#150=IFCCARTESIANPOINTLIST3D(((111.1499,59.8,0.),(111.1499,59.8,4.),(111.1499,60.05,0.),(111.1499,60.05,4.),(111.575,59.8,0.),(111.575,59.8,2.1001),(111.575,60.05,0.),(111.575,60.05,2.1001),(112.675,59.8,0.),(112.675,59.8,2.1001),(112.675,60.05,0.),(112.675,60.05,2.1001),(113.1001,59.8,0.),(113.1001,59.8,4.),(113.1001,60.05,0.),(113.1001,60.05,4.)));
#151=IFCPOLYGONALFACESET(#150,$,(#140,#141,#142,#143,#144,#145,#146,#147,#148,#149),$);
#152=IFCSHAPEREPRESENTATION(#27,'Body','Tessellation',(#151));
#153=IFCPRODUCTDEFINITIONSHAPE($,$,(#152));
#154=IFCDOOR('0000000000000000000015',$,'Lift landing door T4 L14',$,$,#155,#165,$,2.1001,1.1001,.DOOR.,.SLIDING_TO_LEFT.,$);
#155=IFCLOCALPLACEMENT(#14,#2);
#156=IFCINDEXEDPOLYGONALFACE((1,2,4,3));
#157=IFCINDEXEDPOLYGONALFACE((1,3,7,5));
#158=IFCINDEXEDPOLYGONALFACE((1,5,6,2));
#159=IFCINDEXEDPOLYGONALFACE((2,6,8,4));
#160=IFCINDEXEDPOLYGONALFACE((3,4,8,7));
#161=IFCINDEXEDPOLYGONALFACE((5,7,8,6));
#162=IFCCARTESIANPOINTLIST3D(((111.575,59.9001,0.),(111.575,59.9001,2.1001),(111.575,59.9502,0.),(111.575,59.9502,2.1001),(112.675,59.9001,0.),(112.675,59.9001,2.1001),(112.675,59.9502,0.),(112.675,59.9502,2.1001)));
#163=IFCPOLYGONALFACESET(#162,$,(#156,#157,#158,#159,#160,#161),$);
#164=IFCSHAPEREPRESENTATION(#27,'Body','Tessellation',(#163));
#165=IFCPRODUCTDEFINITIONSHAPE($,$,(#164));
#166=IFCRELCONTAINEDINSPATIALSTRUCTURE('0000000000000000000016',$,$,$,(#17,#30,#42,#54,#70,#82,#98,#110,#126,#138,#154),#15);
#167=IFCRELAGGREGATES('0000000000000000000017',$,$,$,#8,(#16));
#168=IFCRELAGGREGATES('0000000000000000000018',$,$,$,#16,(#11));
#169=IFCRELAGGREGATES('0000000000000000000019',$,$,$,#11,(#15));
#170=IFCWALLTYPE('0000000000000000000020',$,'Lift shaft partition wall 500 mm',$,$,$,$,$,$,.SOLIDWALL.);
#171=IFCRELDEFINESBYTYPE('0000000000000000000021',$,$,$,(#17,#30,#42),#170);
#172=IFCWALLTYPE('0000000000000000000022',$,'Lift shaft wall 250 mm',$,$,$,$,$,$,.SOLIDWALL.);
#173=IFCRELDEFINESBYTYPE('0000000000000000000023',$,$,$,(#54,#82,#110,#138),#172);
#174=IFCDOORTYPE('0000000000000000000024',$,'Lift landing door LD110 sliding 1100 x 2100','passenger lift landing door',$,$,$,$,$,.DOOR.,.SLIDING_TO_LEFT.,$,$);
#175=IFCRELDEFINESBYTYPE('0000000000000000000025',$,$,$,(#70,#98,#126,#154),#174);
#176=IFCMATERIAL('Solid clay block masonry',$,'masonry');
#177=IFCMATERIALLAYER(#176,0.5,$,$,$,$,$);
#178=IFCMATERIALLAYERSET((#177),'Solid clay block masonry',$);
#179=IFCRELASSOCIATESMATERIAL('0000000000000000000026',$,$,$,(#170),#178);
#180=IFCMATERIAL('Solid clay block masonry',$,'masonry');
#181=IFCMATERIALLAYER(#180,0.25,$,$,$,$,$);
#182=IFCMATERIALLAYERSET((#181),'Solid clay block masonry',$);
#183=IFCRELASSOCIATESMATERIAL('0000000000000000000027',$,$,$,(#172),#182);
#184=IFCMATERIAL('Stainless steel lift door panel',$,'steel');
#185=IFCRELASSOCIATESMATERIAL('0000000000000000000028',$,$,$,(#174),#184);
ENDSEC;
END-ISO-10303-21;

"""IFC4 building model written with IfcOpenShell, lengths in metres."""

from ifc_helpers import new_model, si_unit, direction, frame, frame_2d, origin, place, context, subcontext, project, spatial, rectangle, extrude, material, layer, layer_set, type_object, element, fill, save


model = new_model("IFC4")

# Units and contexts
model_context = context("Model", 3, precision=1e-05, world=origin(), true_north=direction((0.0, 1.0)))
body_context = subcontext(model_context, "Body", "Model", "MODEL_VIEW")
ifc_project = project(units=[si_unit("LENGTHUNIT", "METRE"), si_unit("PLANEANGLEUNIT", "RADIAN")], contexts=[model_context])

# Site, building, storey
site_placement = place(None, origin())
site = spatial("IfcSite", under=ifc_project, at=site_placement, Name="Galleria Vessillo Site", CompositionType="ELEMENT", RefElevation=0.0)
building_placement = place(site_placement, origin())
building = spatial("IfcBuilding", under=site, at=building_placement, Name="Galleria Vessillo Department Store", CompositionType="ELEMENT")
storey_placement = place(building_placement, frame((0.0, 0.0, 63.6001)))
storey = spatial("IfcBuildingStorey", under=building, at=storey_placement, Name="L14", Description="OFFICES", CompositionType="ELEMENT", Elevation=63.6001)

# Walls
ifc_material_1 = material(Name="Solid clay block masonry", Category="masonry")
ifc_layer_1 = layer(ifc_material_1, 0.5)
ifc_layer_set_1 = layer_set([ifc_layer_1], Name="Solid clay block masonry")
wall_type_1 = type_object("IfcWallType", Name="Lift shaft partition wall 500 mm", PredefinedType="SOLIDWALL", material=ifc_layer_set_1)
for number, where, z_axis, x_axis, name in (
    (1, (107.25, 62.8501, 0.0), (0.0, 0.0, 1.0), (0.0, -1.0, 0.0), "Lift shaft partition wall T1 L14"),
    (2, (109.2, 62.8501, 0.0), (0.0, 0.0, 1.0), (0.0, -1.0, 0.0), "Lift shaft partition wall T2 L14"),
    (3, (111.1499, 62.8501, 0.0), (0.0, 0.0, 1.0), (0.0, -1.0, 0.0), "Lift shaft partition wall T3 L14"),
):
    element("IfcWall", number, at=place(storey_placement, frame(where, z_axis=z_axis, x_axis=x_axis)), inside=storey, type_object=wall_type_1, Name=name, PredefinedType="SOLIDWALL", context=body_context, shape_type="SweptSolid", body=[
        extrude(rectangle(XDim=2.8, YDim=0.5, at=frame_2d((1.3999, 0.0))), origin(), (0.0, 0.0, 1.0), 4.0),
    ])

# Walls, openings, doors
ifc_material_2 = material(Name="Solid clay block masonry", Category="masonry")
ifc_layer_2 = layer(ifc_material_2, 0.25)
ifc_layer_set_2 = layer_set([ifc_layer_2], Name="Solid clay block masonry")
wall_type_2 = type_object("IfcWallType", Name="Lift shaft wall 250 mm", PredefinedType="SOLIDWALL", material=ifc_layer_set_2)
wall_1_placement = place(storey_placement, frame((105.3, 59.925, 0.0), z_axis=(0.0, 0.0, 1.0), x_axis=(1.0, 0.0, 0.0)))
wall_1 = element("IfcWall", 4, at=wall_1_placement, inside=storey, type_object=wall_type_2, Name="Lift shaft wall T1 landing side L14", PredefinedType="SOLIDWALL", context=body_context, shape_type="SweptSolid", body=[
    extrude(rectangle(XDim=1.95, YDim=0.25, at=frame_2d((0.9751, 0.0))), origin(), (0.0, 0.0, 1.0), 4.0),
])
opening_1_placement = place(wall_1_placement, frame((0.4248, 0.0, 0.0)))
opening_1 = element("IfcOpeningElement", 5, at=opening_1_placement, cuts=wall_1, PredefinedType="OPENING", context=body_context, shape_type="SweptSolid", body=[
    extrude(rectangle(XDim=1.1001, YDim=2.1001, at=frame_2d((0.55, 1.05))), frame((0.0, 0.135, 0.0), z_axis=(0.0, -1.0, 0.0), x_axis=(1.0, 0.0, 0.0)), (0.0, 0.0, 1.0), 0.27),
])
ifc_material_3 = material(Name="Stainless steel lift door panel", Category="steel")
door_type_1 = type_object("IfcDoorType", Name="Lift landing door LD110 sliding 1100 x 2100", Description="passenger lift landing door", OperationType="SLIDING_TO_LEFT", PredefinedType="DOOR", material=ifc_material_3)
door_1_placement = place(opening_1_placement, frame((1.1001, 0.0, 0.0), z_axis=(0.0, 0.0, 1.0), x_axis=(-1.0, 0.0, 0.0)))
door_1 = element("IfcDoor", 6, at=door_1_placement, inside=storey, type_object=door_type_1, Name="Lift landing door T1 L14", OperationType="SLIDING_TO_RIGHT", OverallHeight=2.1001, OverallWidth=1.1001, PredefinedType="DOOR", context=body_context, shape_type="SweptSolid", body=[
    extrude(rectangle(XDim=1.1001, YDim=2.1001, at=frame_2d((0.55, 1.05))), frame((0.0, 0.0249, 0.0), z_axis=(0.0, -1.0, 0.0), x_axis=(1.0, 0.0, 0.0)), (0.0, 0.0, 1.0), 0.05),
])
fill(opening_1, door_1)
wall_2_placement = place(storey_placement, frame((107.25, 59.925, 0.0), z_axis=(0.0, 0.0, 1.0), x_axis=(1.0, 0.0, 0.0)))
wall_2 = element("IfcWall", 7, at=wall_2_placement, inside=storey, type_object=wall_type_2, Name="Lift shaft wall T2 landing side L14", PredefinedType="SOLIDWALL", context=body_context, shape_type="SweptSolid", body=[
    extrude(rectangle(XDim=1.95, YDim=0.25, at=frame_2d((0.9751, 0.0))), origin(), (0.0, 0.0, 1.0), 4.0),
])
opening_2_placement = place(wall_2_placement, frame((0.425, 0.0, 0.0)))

• • • •

== Task prompt ==
Go through the records and copy each line with "number" in it.

== Reply to the task ==
for number, where, z_axis, x_axis, name in (
    element("IfcWall", number, at=place(storey_placement, frame(where, z_axis=z_axis, x_axis=x_axis)), inside=storey, type_object=wall_type_1, Name=name, PredefinedType="SOLIDWALL", context=body_context, shape_type="SweptSolid", body=[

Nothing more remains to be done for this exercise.